--- WHAT IS REQUIRED ---
Please give back, word for word, each line from the start of the entries through the one in which "#108=IFCINDEXEDPOLYGONALFACE((1,2,6,5));" is found.

[Collected data]
::::

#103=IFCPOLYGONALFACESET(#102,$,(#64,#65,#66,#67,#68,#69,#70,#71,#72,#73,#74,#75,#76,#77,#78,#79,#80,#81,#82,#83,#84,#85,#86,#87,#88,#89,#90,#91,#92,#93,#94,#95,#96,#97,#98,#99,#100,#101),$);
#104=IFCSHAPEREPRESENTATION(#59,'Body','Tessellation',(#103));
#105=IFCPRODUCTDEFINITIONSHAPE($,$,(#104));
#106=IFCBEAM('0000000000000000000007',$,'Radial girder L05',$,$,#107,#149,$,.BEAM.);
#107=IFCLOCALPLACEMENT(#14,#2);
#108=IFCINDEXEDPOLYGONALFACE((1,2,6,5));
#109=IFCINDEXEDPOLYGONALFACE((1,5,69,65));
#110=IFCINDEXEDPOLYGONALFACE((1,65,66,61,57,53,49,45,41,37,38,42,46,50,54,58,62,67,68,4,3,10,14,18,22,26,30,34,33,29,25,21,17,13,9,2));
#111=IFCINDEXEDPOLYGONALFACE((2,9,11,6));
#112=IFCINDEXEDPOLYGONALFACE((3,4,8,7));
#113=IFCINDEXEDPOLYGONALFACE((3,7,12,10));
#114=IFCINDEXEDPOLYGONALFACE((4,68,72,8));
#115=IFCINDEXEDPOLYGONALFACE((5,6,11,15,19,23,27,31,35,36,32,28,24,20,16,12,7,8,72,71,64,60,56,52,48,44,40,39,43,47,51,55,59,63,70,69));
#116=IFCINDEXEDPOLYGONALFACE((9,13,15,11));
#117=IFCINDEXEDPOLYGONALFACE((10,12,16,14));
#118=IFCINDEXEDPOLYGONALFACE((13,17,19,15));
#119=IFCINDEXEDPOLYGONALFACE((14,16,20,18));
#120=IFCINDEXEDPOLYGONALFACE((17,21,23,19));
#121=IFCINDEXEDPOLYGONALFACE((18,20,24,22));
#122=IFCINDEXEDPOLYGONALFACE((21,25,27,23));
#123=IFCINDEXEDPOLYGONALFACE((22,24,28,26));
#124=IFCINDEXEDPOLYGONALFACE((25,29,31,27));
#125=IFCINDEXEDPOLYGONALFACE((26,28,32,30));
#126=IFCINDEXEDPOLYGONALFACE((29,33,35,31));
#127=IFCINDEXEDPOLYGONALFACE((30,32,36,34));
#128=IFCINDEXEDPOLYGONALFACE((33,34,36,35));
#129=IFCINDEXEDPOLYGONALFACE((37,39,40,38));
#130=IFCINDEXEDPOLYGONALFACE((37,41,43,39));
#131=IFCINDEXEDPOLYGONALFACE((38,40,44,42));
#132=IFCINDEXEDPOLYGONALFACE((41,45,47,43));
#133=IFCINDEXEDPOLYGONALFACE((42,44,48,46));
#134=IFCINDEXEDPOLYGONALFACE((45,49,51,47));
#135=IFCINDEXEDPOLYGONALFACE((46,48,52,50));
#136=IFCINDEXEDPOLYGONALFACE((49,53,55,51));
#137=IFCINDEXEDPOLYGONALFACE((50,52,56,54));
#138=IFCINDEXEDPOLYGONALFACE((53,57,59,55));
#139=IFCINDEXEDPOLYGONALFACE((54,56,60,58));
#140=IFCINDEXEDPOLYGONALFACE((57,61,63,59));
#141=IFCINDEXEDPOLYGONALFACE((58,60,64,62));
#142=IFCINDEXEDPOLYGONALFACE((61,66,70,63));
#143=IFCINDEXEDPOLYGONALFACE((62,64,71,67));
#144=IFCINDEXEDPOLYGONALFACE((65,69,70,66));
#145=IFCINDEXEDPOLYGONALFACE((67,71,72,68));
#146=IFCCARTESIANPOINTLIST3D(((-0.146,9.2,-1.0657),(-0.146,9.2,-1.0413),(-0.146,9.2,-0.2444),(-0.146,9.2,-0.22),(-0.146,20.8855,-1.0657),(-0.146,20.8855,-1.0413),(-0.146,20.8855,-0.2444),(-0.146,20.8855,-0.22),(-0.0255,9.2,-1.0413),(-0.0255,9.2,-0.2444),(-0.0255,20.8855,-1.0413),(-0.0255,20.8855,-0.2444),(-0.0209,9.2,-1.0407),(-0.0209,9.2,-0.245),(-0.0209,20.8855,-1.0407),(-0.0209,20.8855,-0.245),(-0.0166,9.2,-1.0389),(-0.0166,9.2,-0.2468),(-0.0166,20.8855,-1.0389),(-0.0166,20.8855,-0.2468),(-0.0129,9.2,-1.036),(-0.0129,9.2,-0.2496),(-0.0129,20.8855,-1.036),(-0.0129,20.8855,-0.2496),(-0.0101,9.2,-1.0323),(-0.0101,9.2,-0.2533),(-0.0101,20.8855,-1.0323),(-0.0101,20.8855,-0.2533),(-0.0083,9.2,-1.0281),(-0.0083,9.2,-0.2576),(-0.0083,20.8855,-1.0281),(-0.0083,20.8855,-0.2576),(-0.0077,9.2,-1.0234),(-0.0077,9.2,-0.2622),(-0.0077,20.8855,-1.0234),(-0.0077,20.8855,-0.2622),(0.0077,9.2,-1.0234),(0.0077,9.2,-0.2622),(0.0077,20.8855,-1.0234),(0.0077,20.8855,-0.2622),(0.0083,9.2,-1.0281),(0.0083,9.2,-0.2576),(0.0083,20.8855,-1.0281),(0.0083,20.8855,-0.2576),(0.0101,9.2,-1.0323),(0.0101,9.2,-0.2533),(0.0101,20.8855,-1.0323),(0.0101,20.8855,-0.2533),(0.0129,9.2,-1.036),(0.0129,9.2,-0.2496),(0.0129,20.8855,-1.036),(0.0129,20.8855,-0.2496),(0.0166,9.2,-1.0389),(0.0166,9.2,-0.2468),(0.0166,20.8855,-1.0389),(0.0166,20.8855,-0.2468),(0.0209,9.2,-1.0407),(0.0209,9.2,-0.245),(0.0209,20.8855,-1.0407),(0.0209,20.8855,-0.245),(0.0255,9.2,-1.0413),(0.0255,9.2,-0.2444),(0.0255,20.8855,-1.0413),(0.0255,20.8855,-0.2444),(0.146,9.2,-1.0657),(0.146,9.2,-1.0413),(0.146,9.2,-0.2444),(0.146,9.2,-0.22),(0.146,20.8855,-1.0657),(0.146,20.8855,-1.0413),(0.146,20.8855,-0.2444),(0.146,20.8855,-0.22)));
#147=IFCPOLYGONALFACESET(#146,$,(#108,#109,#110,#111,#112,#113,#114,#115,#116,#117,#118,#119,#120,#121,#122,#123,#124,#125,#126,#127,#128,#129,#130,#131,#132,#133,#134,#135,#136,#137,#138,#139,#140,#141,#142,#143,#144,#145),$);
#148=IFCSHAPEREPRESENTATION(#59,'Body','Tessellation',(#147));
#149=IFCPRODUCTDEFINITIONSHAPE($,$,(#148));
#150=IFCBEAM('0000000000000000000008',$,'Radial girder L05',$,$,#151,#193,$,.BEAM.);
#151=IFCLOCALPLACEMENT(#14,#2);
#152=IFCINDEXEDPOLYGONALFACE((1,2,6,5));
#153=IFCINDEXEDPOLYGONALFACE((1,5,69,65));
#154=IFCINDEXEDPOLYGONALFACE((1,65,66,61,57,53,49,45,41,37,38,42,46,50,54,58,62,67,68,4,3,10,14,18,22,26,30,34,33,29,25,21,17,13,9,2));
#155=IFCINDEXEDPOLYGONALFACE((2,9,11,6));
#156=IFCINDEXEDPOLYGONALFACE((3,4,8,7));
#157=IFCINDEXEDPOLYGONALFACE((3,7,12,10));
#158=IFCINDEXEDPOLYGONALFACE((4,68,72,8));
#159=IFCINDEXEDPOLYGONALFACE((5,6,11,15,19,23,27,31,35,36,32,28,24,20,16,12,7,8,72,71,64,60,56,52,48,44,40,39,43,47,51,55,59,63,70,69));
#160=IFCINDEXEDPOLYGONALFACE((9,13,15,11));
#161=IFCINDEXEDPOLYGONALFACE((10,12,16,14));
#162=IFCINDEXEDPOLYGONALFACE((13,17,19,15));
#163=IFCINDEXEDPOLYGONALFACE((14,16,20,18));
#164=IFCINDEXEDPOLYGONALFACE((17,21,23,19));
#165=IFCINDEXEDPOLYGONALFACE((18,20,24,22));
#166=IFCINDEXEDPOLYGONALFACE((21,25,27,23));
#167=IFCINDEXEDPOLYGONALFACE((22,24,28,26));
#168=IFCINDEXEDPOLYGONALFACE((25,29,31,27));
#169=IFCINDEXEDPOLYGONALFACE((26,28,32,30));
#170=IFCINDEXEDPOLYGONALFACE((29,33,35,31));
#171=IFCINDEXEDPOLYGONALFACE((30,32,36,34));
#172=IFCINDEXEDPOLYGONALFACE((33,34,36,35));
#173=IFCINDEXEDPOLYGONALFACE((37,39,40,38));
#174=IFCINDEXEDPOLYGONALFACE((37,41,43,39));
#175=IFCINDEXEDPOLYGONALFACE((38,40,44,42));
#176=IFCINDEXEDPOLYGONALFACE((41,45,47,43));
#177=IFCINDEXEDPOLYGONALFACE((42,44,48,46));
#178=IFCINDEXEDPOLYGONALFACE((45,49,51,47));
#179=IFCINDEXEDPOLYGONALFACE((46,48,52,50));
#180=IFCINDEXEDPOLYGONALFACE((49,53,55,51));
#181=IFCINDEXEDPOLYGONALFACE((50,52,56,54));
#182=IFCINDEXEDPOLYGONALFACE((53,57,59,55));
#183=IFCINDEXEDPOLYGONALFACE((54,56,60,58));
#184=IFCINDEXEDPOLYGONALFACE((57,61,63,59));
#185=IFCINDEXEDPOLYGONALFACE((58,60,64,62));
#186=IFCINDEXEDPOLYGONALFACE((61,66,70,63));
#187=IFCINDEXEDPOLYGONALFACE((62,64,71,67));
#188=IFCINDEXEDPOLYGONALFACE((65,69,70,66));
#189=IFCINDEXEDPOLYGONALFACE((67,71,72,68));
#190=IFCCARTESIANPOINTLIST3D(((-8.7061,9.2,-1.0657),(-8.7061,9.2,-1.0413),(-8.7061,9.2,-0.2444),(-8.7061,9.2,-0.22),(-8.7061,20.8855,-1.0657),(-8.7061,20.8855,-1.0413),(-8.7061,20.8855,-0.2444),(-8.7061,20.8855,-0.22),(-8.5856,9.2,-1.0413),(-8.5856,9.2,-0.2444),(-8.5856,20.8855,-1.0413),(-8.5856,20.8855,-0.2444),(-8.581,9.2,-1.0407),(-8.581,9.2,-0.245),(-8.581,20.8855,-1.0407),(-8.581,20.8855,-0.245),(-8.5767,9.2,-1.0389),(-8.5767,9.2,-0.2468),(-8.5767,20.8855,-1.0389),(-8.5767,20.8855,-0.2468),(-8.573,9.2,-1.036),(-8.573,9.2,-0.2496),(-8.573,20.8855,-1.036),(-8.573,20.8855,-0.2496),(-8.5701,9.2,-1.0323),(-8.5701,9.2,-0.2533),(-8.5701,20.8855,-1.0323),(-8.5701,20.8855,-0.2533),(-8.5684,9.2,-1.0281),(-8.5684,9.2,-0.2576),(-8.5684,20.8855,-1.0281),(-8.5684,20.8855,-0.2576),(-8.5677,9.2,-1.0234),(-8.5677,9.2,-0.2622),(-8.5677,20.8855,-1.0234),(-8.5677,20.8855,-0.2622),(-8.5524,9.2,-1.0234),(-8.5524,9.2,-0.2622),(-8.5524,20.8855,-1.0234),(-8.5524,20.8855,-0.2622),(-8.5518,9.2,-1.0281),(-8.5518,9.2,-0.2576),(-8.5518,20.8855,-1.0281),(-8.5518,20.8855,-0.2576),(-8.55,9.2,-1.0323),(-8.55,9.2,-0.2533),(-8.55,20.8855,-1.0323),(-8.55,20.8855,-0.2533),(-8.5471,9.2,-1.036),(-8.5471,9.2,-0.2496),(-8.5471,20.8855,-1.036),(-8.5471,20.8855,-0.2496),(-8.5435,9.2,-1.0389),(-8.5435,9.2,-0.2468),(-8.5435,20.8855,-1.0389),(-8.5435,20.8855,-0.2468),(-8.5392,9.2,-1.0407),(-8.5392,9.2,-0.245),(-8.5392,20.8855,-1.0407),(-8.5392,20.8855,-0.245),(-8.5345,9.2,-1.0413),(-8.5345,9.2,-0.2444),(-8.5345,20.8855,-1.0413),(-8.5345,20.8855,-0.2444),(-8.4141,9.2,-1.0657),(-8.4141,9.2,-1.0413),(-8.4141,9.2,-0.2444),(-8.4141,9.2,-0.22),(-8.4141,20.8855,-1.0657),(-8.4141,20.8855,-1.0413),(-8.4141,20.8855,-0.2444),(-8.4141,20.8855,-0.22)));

::::

--- RESPONSE ---
#103=IFCPOLYGONALFACESET(#102,$,(#64,#65,#66,#67,#68,#69,#70,#71,#72,#73,#74,#75,#76,#77,#78,#79,#80,#81,#82,#83,#84,#85,#86,#87,#88,#89,#90,#91,#92,#93,#94,#95,#96,#97,#98,#99,#100,#101),$);
#104=IFCSHAPEREPRESENTATION(#59,'Body','Tessellation',(#103));
#105=IFCPRODUCTDEFINITIONSHAPE($,$,(#104));
#106=IFCBEAM('0000000000000000000007',$,'Radial girder L05',$,$,#107,#149,$,.BEAM.);
#107=IFCLOCALPLACEMENT(#14,#2);
#108=IFCINDEXEDPOLYGONALFACE((1,2,6,5));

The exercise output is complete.